EXERCISE REQUIREMENTS :: In the records that follow, show each line where the word "IFCINDEXEDPOLYGONALFACEWITHVOIDS" is present.

········

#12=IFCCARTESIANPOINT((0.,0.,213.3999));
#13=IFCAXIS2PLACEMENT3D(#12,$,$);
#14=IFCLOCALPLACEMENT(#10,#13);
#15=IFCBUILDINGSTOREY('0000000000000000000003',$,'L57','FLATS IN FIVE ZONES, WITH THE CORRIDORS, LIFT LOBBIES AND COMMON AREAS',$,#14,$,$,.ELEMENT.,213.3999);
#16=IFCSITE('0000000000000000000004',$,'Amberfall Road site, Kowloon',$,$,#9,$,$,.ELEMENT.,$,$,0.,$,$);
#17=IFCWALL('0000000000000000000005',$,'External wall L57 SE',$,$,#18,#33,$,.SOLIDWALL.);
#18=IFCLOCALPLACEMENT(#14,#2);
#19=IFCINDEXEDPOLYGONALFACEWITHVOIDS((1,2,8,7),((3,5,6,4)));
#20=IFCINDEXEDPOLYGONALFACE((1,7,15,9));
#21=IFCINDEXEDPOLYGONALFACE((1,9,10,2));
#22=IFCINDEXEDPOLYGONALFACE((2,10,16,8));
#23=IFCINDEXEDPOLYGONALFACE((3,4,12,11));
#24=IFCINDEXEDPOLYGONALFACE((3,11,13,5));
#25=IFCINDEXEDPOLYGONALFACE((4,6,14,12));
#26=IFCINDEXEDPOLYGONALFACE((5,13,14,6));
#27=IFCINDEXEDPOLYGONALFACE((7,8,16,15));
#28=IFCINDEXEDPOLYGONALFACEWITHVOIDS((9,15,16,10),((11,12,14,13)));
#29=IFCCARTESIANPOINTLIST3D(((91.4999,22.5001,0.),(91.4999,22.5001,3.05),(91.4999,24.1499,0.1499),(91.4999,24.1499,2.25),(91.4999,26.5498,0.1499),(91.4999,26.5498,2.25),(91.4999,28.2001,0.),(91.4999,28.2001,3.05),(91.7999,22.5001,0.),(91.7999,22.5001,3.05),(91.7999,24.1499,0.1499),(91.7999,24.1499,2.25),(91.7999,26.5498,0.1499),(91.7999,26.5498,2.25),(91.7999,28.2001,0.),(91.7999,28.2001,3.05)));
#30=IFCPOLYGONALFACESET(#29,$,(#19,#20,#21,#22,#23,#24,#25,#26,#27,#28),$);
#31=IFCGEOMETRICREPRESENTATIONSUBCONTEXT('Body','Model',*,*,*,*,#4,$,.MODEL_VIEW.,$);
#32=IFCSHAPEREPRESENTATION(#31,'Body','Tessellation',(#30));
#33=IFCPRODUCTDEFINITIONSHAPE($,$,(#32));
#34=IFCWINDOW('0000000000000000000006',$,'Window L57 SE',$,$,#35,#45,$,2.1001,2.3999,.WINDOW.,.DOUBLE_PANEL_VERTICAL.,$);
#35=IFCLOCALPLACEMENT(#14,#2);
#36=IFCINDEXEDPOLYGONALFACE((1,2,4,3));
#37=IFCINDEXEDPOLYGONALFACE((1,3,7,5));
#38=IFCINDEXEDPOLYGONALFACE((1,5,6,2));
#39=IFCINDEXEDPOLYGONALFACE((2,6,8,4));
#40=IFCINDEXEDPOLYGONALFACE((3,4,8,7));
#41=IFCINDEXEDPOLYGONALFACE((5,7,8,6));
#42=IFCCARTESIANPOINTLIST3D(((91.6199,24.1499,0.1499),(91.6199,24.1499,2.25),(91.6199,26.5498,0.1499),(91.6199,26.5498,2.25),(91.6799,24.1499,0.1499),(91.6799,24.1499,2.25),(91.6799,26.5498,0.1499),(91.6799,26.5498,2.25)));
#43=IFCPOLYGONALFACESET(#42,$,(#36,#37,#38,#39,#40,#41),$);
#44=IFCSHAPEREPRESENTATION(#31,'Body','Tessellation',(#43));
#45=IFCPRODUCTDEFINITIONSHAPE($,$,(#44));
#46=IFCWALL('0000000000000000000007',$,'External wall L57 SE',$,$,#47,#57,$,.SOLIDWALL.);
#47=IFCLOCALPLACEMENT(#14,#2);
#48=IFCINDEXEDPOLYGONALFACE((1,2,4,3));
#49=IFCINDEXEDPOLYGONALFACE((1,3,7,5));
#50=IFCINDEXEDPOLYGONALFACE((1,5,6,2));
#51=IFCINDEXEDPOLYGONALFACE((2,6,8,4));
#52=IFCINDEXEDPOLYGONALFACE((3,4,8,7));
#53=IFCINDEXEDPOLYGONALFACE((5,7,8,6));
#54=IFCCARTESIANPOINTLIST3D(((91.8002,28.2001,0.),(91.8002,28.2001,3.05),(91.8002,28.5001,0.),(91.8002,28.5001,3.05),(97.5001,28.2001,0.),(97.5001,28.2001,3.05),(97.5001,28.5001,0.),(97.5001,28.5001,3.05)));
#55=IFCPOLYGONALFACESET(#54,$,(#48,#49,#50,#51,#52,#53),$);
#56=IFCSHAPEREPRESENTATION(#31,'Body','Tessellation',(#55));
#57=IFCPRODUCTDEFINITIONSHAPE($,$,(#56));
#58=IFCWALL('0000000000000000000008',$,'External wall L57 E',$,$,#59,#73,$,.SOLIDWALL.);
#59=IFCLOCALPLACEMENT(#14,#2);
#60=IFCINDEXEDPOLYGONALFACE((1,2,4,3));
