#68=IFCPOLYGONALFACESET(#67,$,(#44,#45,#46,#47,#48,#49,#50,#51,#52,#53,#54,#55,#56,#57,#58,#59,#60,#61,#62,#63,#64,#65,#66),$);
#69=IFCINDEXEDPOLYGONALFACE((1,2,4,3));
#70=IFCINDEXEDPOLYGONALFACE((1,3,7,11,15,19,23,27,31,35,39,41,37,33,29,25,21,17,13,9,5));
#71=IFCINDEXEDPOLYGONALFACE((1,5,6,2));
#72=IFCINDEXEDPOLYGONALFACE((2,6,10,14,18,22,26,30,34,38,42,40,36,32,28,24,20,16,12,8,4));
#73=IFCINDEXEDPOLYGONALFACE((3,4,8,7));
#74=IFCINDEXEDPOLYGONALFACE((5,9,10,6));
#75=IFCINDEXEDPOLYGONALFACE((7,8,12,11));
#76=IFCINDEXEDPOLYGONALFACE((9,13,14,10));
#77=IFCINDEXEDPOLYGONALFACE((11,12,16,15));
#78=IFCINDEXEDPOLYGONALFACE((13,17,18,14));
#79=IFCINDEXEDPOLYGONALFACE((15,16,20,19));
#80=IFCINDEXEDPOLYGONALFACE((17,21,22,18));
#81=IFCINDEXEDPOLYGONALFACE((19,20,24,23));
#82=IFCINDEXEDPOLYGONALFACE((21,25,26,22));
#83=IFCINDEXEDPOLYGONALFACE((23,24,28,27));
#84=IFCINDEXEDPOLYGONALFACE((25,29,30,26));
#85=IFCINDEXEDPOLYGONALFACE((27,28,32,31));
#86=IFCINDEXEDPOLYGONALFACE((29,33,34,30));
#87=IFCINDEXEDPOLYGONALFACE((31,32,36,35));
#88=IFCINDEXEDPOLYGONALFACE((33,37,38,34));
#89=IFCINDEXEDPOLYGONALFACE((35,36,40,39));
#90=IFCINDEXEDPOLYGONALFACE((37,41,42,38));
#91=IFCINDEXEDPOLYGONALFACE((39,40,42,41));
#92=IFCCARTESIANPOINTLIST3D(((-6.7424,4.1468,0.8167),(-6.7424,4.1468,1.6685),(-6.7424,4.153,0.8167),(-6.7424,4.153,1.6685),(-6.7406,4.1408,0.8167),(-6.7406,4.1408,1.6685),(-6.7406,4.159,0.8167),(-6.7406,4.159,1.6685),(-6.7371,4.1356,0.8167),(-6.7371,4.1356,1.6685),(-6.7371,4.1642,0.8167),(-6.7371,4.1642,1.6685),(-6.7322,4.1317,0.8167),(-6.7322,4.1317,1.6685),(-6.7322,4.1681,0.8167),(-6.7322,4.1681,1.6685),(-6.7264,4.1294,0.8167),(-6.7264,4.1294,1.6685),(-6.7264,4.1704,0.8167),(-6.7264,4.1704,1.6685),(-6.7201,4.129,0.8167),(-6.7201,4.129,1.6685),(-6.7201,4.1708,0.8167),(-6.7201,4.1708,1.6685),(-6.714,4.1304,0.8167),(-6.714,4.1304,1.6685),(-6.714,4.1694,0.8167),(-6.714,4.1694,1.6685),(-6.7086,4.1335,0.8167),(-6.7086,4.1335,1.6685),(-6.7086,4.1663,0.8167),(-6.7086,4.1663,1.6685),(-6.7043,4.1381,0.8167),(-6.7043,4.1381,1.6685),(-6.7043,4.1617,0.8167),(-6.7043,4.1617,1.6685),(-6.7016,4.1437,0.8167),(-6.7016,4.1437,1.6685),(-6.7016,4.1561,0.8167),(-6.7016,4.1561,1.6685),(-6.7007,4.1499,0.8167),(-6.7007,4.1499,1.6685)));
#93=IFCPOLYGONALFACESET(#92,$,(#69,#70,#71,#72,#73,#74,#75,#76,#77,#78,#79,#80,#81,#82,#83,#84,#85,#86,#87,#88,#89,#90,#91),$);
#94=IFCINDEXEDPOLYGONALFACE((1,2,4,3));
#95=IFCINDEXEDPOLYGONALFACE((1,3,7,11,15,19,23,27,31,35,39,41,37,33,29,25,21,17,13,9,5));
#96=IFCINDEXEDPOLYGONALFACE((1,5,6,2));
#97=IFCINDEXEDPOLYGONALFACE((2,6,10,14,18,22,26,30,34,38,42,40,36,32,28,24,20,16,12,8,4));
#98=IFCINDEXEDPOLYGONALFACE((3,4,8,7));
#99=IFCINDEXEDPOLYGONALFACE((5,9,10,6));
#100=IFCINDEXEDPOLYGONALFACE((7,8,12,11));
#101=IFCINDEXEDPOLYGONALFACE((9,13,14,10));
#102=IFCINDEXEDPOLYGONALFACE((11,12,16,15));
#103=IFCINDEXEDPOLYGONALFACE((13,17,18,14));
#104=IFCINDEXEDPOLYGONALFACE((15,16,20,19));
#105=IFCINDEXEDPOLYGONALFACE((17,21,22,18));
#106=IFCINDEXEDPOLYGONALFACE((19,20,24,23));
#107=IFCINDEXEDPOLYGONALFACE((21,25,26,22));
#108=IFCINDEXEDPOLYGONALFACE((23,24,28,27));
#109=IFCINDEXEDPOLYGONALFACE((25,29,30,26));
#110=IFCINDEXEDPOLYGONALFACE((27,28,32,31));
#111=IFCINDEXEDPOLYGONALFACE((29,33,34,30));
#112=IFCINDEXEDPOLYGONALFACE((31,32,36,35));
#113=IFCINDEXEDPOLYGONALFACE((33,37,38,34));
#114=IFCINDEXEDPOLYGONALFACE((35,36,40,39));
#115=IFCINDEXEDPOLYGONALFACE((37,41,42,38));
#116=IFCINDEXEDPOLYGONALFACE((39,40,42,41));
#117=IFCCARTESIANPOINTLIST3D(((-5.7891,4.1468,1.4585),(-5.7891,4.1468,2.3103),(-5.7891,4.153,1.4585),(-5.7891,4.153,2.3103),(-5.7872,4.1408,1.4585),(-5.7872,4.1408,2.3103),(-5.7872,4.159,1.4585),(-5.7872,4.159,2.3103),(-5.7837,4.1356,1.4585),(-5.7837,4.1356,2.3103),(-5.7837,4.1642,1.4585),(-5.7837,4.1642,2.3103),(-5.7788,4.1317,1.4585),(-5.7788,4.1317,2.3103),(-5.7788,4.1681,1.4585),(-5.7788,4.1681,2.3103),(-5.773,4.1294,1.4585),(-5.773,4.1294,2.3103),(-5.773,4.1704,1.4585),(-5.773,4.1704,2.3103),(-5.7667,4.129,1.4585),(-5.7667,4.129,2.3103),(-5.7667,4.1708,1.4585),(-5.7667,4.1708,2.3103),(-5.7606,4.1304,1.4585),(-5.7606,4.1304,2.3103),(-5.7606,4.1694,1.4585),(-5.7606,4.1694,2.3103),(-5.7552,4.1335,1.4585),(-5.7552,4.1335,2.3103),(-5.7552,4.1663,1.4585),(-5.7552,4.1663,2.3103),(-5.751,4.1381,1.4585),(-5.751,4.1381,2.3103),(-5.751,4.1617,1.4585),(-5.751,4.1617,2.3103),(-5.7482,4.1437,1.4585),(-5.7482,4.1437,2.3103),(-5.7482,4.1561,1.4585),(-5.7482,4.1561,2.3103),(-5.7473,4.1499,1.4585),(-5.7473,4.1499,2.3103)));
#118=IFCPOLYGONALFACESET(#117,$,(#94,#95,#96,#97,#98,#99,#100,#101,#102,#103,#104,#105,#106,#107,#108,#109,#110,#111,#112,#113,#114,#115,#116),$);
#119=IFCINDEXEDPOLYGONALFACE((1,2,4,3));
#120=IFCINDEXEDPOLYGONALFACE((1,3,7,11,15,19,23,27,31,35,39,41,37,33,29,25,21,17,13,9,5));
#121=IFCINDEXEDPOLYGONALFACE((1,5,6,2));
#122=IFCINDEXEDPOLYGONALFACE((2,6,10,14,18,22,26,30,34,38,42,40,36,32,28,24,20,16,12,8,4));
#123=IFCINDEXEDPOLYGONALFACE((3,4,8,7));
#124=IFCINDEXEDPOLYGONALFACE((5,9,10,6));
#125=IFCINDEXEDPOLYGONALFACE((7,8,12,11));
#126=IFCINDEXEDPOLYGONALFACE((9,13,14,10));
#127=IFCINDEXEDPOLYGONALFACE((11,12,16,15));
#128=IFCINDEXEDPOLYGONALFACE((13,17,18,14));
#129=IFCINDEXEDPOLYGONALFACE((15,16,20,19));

········

TASK OUTPUT ::
#19=IFCINDEXEDPOLYGONALFACEWITHVOIDS((1,2,8,7),((3,5,6,4)));
#28=IFCINDEXEDPOLYGONALFACEWITHVOIDS((9,15,16,10),((11,12,14,13)));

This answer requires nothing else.